WHAT TO DO:
The word "Aluminium" occurs in some lines of the listing. Copy those lines.

RECORDS SHOWN:
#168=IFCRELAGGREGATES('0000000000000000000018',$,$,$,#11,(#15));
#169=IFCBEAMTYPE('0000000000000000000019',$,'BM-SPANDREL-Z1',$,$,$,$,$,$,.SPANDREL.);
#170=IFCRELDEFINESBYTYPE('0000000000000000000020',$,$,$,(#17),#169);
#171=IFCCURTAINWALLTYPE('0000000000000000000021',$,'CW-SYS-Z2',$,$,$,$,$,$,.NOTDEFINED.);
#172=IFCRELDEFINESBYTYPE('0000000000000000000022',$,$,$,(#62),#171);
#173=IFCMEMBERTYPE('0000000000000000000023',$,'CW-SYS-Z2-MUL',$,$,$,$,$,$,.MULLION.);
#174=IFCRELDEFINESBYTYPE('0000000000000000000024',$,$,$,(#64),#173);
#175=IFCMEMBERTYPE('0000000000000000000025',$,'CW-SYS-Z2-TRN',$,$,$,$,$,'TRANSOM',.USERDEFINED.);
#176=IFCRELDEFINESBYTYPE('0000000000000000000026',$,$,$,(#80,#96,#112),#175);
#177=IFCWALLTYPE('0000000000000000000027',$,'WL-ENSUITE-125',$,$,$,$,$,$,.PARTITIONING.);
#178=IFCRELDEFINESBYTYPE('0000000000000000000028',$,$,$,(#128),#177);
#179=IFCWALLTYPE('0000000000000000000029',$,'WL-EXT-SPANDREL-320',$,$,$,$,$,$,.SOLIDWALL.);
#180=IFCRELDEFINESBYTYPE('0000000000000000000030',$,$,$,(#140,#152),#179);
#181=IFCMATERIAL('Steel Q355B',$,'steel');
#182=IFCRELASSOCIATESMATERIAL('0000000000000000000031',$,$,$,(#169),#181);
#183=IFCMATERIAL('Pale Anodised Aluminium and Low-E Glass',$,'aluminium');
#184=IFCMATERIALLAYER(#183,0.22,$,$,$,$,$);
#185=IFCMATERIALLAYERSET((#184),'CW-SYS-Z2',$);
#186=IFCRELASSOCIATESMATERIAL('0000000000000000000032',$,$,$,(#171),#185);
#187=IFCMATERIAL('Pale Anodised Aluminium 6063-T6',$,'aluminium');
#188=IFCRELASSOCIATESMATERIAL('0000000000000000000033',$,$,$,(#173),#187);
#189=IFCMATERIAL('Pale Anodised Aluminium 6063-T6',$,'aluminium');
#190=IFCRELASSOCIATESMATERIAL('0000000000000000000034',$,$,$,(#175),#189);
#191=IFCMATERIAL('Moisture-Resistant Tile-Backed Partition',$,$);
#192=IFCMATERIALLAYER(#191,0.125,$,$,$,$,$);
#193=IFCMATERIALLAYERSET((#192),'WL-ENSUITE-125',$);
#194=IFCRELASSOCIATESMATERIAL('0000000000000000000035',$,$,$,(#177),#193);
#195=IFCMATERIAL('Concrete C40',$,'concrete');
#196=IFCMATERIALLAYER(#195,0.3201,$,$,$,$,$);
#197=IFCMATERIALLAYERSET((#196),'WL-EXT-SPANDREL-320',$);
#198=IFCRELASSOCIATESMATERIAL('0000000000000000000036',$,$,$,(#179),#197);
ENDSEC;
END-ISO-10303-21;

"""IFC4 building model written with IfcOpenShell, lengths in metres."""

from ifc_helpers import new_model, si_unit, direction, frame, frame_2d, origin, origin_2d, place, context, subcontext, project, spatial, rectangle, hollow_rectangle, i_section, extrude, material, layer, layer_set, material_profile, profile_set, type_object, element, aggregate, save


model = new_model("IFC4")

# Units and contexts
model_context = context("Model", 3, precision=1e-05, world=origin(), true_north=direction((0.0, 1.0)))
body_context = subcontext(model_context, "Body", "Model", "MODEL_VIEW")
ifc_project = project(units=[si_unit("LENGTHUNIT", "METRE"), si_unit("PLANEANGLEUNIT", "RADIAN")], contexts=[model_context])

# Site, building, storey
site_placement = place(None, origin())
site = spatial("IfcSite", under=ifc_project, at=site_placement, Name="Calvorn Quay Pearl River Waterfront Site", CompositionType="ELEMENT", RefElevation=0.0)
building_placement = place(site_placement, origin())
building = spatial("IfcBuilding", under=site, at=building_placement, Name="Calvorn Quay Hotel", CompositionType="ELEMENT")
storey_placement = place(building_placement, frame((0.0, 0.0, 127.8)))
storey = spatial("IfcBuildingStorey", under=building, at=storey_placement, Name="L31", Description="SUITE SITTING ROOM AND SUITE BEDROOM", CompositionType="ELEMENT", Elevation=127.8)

ANSWER SECTION:
#183=IFCMATERIAL('Pale Anodised Aluminium and Low-E Glass',$,'aluminium');
#187=IFCMATERIAL('Pale Anodised Aluminium 6063-T6',$,'aluminium');
#189=IFCMATERIAL('Pale Anodised Aluminium 6063-T6',$,'aluminium');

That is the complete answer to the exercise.